### DATASET EXCERPTS
....................
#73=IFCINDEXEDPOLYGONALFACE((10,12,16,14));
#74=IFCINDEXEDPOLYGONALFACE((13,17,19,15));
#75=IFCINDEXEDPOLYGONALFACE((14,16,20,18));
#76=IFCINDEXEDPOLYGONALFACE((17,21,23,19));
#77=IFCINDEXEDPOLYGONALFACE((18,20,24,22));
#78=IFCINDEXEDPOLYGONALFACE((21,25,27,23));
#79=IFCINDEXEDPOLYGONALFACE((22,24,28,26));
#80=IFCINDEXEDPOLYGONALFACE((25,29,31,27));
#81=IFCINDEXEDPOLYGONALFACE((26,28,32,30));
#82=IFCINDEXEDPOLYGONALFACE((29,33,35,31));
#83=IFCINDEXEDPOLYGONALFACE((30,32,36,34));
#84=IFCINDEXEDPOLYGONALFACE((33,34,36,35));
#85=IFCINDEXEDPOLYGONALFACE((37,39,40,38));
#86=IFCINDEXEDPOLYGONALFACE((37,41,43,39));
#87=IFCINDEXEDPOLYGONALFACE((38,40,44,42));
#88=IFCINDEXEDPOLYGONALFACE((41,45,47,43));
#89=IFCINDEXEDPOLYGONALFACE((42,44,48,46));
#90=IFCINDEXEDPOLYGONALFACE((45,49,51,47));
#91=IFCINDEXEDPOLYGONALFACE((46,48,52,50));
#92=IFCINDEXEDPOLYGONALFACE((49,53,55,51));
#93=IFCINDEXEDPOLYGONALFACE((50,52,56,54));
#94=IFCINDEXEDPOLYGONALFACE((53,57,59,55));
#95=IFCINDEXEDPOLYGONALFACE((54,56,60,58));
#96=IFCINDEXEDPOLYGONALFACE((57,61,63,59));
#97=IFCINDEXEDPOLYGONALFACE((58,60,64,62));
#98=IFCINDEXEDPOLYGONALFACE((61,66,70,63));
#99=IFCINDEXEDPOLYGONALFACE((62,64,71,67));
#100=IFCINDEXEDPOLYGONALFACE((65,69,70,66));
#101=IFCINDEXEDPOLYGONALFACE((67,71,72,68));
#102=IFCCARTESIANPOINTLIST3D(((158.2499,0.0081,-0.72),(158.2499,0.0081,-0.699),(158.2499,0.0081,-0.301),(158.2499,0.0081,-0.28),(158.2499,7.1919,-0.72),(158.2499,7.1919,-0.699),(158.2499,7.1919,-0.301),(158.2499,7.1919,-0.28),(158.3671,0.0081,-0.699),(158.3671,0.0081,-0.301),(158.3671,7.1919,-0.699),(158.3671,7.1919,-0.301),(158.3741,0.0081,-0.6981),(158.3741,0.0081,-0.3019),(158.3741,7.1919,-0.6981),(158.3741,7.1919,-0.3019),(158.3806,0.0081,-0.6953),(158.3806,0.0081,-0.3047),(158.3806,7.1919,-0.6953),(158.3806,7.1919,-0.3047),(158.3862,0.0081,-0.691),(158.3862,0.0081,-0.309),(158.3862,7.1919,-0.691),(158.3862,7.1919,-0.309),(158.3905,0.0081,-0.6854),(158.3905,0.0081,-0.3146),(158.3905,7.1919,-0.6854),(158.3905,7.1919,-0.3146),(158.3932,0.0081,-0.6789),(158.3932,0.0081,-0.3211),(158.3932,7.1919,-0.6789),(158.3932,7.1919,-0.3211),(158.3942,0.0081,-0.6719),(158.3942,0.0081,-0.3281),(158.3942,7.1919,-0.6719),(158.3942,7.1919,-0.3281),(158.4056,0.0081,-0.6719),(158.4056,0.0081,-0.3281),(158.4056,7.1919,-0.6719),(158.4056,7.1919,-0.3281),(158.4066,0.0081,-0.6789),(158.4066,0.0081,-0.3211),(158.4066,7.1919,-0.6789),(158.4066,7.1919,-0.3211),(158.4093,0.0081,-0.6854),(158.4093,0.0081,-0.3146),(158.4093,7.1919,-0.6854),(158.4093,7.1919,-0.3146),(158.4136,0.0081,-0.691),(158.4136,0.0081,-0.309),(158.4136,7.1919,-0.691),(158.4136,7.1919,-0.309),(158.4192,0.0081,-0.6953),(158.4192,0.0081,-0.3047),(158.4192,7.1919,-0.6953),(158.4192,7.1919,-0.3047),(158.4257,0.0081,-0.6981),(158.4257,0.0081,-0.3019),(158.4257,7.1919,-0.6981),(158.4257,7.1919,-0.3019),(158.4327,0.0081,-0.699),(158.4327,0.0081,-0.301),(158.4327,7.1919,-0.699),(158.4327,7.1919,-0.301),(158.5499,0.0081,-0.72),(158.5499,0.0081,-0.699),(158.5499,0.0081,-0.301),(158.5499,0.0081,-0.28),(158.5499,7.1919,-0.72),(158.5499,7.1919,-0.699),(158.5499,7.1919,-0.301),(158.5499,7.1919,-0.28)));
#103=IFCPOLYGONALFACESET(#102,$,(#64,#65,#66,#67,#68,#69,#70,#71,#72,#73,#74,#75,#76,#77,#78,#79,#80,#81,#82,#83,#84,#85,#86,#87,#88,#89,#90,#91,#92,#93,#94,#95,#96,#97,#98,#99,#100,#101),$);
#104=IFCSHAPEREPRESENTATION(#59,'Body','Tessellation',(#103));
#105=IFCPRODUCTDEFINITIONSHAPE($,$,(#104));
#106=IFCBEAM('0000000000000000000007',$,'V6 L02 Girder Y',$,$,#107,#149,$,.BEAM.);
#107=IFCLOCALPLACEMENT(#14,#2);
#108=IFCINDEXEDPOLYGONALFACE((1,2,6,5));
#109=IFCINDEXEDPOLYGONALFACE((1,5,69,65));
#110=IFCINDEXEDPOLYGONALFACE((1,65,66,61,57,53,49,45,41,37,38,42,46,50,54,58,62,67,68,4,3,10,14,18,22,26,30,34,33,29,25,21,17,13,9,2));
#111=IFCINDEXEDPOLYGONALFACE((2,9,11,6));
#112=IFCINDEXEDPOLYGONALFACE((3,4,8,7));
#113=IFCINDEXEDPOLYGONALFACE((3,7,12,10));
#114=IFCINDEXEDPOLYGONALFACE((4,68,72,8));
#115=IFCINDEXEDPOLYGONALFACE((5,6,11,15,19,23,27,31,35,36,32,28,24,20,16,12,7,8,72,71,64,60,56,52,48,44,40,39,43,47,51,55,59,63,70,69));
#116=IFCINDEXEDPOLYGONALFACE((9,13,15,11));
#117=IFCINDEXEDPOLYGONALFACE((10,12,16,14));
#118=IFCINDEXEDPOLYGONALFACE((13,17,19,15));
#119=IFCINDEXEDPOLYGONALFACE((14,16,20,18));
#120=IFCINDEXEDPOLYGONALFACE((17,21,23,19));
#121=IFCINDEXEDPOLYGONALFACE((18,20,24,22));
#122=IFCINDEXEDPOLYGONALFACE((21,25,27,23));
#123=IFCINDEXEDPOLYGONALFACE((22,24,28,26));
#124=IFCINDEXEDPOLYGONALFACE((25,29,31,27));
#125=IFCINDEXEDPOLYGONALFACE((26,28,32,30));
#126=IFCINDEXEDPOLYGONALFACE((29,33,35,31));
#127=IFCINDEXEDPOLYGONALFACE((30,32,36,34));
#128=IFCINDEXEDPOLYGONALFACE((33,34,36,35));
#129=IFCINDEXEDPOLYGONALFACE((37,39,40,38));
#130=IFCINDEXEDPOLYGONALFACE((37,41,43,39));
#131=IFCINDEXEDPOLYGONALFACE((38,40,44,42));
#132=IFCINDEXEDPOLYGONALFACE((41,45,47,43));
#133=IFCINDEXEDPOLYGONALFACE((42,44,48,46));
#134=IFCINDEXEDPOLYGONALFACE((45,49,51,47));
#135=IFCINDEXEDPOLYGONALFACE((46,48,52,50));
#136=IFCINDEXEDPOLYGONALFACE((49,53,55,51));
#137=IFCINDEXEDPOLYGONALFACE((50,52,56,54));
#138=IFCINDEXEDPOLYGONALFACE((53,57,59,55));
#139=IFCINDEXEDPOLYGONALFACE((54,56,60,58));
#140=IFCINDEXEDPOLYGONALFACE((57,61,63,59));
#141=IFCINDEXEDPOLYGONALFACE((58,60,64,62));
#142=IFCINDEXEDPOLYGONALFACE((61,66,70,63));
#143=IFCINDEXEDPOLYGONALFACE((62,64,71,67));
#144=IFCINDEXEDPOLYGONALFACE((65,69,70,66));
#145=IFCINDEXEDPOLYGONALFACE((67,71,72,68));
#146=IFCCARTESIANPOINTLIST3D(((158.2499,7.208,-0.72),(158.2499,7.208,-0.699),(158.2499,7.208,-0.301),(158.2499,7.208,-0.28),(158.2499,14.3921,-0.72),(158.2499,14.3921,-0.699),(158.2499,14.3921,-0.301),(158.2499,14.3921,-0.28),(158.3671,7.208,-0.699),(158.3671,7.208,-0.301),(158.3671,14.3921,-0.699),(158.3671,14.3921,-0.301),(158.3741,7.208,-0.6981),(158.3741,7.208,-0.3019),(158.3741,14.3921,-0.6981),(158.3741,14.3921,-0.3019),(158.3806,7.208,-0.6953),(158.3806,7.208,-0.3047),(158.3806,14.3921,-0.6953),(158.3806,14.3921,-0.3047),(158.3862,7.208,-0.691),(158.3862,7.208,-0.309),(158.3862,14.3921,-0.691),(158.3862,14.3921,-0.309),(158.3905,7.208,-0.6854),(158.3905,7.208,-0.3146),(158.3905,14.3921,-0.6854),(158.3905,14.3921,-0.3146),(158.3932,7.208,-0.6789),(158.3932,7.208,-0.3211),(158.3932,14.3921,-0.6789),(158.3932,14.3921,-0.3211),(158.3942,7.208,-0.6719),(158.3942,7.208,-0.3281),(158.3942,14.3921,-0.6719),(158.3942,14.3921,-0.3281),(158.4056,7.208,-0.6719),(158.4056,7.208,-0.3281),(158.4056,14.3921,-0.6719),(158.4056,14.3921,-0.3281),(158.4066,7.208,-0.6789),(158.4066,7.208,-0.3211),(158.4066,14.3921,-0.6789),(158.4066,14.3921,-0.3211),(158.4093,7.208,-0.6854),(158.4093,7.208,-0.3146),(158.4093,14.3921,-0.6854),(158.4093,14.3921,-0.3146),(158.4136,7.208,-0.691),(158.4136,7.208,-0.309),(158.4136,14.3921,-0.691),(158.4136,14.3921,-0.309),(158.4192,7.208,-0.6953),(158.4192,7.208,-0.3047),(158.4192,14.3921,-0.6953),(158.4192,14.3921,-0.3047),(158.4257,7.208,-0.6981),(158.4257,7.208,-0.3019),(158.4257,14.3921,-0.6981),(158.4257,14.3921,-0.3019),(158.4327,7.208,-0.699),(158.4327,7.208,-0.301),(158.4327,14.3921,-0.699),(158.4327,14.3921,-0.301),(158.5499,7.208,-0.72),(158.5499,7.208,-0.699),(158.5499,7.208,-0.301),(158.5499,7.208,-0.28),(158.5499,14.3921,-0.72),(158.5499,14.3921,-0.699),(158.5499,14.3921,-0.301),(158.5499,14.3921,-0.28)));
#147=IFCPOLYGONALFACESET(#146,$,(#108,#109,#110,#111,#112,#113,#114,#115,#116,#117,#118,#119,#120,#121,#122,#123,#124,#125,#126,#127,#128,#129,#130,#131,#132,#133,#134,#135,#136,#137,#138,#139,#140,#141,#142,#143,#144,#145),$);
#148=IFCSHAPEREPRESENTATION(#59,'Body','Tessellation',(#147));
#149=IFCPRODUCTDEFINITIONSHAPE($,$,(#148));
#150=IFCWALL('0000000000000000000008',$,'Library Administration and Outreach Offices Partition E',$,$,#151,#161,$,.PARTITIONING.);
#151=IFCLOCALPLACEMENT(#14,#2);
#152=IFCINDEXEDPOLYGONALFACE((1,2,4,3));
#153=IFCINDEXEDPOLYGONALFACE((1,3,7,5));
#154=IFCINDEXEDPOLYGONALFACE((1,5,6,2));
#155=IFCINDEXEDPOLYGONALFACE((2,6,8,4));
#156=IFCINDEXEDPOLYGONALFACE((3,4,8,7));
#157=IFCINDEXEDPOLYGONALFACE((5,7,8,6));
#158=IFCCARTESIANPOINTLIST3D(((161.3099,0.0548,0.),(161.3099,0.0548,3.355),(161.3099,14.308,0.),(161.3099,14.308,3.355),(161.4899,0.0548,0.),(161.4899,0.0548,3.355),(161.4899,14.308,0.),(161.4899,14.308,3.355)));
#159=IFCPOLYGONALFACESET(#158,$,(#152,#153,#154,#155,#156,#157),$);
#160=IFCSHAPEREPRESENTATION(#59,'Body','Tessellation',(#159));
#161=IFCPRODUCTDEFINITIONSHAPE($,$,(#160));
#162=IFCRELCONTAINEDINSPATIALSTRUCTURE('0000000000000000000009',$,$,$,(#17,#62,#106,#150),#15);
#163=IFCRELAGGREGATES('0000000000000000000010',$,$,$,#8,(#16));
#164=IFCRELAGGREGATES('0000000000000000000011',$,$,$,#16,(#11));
....................
### REQUIRED ACTION
The reply should consist solely of the lines of the data, exact, from the opening line through the line with "#90=IFCINDEXEDPOLYGONALFACE((45,49,51,47));", inclusive.

### ANSWER SPACE
#73=IFCINDEXEDPOLYGONALFACE((10,12,16,14));
#74=IFCINDEXEDPOLYGONALFACE((13,17,19,15));
#75=IFCINDEXEDPOLYGONALFACE((14,16,20,18));
#76=IFCINDEXEDPOLYGONALFACE((17,21,23,19));
#77=IFCINDEXEDPOLYGONALFACE((18,20,24,22));
#78=IFCINDEXEDPOLYGONALFACE((21,25,27,23));
#79=IFCINDEXEDPOLYGONALFACE((22,24,28,26));
#80=IFCINDEXEDPOLYGONALFACE((25,29,31,27));
#81=IFCINDEXEDPOLYGONALFACE((26,28,32,30));
#82=IFCINDEXEDPOLYGONALFACE((29,33,35,31));
#83=IFCINDEXEDPOLYGONALFACE((30,32,36,34));
#84=IFCINDEXEDPOLYGONALFACE((33,34,36,35));
#85=IFCINDEXEDPOLYGONALFACE((37,39,40,38));
#86=IFCINDEXEDPOLYGONALFACE((37,41,43,39));
#87=IFCINDEXEDPOLYGONALFACE((38,40,44,42));
#88=IFCINDEXEDPOLYGONALFACE((41,45,47,43));
#89=IFCINDEXEDPOLYGONALFACE((42,44,48,46));
#90=IFCINDEXEDPOLYGONALFACE((45,49,51,47));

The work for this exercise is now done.